**Exercise directions:** Only one portion of the data is to be written out: from the line bearing "#76=IFCINDEXEDPOLYGONALFACE((9,13,14,10));" through the line bearing "#90=IFCINDEXEDPOLYGONALFACE((37,41,42,38));". Write it exactly as it appears.

[Records — start]

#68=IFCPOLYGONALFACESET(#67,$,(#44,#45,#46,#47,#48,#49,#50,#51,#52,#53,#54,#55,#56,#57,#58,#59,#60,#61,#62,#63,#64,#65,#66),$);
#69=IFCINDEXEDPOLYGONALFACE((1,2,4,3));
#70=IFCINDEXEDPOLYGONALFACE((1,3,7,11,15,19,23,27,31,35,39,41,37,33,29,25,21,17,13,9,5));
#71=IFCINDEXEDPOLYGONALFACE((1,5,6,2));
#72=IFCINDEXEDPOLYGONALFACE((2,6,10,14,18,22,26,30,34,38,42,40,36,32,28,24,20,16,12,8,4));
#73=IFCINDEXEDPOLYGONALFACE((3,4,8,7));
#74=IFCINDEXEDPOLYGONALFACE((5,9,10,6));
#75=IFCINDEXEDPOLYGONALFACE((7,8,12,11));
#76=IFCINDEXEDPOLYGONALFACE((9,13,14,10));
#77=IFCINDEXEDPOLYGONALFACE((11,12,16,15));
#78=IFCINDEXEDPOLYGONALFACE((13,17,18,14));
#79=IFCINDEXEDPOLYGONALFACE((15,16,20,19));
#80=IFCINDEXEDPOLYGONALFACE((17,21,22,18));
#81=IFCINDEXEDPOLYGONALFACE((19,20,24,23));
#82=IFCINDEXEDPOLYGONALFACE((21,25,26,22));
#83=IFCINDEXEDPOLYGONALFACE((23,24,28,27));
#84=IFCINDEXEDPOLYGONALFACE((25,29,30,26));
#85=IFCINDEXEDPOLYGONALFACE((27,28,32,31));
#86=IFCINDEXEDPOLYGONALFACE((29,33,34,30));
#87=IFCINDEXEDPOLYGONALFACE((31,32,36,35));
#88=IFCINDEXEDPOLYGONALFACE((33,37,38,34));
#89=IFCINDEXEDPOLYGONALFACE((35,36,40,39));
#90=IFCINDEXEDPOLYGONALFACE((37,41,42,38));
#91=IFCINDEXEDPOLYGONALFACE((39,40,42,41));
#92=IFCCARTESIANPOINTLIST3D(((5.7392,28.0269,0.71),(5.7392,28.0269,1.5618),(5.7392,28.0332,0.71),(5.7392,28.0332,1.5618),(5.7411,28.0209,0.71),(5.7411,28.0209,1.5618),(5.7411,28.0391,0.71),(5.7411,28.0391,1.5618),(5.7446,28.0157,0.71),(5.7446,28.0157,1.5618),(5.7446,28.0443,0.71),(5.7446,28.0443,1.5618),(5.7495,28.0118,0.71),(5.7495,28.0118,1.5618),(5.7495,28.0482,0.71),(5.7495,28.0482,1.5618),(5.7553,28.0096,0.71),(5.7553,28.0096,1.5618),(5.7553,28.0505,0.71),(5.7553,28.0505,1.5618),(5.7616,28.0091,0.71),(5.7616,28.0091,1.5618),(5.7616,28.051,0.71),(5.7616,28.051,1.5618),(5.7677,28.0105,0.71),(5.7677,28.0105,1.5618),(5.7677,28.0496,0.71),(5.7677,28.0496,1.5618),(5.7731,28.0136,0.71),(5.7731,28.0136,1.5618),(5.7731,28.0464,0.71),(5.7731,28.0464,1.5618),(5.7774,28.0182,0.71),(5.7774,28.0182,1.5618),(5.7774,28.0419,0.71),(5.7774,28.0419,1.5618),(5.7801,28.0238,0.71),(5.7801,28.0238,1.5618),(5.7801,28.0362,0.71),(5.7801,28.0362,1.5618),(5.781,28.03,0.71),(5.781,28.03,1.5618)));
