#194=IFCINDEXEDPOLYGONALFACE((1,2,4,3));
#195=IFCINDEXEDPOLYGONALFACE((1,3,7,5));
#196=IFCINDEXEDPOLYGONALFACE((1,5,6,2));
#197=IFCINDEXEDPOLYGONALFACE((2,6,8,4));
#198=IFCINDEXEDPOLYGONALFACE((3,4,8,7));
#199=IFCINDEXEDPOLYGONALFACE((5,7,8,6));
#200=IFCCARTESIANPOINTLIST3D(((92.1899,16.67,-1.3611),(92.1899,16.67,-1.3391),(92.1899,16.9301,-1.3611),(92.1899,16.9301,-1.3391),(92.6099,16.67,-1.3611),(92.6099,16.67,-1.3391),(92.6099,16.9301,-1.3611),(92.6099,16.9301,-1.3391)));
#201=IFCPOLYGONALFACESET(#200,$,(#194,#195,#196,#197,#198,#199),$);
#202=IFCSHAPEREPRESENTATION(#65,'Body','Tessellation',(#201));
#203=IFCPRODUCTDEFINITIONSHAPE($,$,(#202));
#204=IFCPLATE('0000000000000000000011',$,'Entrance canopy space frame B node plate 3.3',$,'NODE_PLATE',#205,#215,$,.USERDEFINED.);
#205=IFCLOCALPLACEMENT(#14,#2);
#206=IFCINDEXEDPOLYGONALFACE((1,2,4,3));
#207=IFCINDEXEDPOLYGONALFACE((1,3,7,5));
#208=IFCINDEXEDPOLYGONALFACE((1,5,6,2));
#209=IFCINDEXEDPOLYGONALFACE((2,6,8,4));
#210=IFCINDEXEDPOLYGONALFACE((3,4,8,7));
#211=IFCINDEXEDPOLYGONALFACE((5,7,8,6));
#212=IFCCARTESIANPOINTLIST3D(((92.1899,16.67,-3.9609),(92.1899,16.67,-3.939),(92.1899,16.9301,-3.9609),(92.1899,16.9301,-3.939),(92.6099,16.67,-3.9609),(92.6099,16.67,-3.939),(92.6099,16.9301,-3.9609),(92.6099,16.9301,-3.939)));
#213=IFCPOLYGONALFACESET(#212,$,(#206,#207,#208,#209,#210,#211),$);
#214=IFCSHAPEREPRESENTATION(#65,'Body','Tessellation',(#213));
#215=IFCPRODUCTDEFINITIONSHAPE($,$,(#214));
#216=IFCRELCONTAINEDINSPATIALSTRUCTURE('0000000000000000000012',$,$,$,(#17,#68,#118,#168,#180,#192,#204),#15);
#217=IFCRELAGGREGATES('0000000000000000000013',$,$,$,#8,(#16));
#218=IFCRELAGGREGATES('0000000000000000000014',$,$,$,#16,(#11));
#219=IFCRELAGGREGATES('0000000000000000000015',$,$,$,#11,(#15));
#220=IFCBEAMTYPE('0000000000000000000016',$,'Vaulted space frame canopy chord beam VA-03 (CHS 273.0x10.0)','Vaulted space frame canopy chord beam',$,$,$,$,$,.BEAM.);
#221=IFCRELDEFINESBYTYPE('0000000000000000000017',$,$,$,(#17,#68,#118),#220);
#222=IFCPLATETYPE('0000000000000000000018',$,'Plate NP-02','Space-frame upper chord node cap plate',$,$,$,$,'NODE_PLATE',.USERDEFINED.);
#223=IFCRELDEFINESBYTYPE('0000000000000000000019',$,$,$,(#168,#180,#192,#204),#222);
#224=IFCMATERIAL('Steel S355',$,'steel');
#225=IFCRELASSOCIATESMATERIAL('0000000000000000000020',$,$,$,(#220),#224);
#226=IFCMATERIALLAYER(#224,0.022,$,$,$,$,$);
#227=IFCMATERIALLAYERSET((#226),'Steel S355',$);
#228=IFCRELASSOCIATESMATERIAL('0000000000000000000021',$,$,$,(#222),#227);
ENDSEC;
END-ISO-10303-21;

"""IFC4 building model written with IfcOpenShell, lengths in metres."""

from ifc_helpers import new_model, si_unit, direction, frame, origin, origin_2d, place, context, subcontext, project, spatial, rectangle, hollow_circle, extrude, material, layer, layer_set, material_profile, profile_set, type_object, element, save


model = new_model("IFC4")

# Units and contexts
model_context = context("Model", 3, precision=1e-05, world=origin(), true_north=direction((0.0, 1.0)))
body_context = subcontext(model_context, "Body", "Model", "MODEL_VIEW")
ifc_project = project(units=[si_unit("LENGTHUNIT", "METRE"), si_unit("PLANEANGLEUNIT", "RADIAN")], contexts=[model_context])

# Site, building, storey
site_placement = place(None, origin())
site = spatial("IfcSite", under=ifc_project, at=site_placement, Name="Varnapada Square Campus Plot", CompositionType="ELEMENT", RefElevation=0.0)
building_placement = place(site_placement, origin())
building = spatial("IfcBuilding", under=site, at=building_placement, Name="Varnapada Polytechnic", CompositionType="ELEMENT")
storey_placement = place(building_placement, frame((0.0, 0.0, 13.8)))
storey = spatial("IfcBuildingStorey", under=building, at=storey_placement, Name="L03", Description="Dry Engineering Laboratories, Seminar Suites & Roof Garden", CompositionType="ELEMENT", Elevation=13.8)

[Records — finish]

**Answer to this problem:**
#76=IFCINDEXEDPOLYGONALFACE((9,13,14,10));
#77=IFCINDEXEDPOLYGONALFACE((11,12,16,15));
#78=IFCINDEXEDPOLYGONALFACE((13,17,18,14));
#79=IFCINDEXEDPOLYGONALFACE((15,16,20,19));
#80=IFCINDEXEDPOLYGONALFACE((17,21,22,18));
#81=IFCINDEXEDPOLYGONALFACE((19,20,24,23));
#82=IFCINDEXEDPOLYGONALFACE((21,25,26,22));
#83=IFCINDEXEDPOLYGONALFACE((23,24,28,27));
#84=IFCINDEXEDPOLYGONALFACE((25,29,30,26));
#85=IFCINDEXEDPOLYGONALFACE((27,28,32,31));
#86=IFCINDEXEDPOLYGONALFACE((29,33,34,30));
#87=IFCINDEXEDPOLYGONALFACE((31,32,36,35));
#88=IFCINDEXEDPOLYGONALFACE((33,37,38,34));
#89=IFCINDEXEDPOLYGONALFACE((35,36,40,39));
#90=IFCINDEXEDPOLYGONALFACE((37,41,42,38));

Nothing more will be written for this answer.